= Data to examine =
━━━━━━━━

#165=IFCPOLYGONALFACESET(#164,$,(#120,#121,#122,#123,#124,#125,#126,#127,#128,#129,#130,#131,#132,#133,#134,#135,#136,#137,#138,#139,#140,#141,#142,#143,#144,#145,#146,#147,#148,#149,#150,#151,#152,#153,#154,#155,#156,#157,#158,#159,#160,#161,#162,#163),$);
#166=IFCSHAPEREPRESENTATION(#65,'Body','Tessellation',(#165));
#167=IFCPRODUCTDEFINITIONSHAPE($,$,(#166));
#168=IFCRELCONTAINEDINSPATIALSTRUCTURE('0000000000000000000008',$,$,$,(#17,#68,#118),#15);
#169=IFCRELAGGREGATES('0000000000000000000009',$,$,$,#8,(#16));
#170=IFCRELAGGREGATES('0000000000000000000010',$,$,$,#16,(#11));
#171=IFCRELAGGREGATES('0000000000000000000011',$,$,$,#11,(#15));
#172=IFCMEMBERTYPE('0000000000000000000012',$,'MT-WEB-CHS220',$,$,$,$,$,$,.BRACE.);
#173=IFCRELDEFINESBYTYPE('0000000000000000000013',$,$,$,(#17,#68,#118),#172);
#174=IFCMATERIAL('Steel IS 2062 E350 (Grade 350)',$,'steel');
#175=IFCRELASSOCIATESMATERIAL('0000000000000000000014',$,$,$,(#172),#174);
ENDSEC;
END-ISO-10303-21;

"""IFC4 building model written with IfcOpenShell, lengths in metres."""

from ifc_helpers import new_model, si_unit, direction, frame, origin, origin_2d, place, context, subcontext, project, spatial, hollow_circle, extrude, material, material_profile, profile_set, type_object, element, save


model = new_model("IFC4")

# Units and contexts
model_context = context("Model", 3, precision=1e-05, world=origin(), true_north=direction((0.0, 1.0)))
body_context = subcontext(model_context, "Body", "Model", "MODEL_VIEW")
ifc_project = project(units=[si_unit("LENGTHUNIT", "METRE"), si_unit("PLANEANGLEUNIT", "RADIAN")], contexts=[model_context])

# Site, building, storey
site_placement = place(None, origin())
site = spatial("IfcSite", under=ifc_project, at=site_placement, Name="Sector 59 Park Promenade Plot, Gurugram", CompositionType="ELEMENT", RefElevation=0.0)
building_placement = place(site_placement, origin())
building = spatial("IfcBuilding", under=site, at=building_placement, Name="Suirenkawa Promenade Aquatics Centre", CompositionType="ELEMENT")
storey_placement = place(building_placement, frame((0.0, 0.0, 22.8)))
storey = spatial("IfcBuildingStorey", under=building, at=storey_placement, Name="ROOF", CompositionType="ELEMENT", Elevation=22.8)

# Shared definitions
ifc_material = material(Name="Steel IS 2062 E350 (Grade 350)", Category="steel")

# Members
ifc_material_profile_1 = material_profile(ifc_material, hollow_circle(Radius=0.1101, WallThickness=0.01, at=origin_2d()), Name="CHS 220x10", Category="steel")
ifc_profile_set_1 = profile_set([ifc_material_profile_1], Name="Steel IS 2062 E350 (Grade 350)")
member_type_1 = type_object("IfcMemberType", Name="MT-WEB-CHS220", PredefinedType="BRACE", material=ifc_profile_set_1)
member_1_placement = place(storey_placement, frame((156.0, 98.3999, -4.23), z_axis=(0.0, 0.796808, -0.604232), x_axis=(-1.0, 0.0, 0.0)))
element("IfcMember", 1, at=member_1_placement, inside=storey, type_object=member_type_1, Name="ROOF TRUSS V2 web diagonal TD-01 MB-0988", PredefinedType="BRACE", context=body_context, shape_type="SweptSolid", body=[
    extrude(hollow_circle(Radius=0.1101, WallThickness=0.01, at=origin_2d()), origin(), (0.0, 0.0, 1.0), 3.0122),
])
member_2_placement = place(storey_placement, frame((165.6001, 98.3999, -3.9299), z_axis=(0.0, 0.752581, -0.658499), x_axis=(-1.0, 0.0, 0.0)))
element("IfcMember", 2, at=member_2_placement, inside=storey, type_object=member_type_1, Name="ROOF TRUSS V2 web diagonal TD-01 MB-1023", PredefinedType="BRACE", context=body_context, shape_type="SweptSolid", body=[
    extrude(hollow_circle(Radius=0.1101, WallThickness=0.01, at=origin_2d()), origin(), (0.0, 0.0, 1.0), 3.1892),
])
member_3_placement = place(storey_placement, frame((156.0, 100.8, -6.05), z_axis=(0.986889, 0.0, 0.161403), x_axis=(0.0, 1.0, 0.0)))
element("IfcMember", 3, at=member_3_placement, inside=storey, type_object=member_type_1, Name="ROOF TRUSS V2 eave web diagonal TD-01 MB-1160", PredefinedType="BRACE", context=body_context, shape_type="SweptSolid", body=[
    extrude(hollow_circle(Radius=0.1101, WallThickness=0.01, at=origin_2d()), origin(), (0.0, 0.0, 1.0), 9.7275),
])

━━━━━━━━

= Task =
Please transcribe only the lines in the records above running from the line that has "#167=IFCPRODUCTDEFINITIONSHAPE($,$,(#166));" through the line that has "END-ISO-10303-21;", both included, exactly as they appear.

= Reply to the task =
#167=IFCPRODUCTDEFINITIONSHAPE($,$,(#166));
#168=IFCRELCONTAINEDINSPATIALSTRUCTURE('0000000000000000000008',$,$,$,(#17,#68,#118),#15);
#169=IFCRELAGGREGATES('0000000000000000000009',$,$,$,#8,(#16));
#170=IFCRELAGGREGATES('0000000000000000000010',$,$,$,#16,(#11));
#171=IFCRELAGGREGATES('0000000000000000000011',$,$,$,#11,(#15));
#172=IFCMEMBERTYPE('0000000000000000000012',$,'MT-WEB-CHS220',$,$,$,$,$,$,.BRACE.);
#173=IFCRELDEFINESBYTYPE('0000000000000000000013',$,$,$,(#17,#68,#118),#172);
#174=IFCMATERIAL('Steel IS 2062 E350 (Grade 350)',$,'steel');
#175=IFCRELASSOCIATESMATERIAL('0000000000000000000014',$,$,$,(#172),#174);
ENDSEC;
END-ISO-10303-21;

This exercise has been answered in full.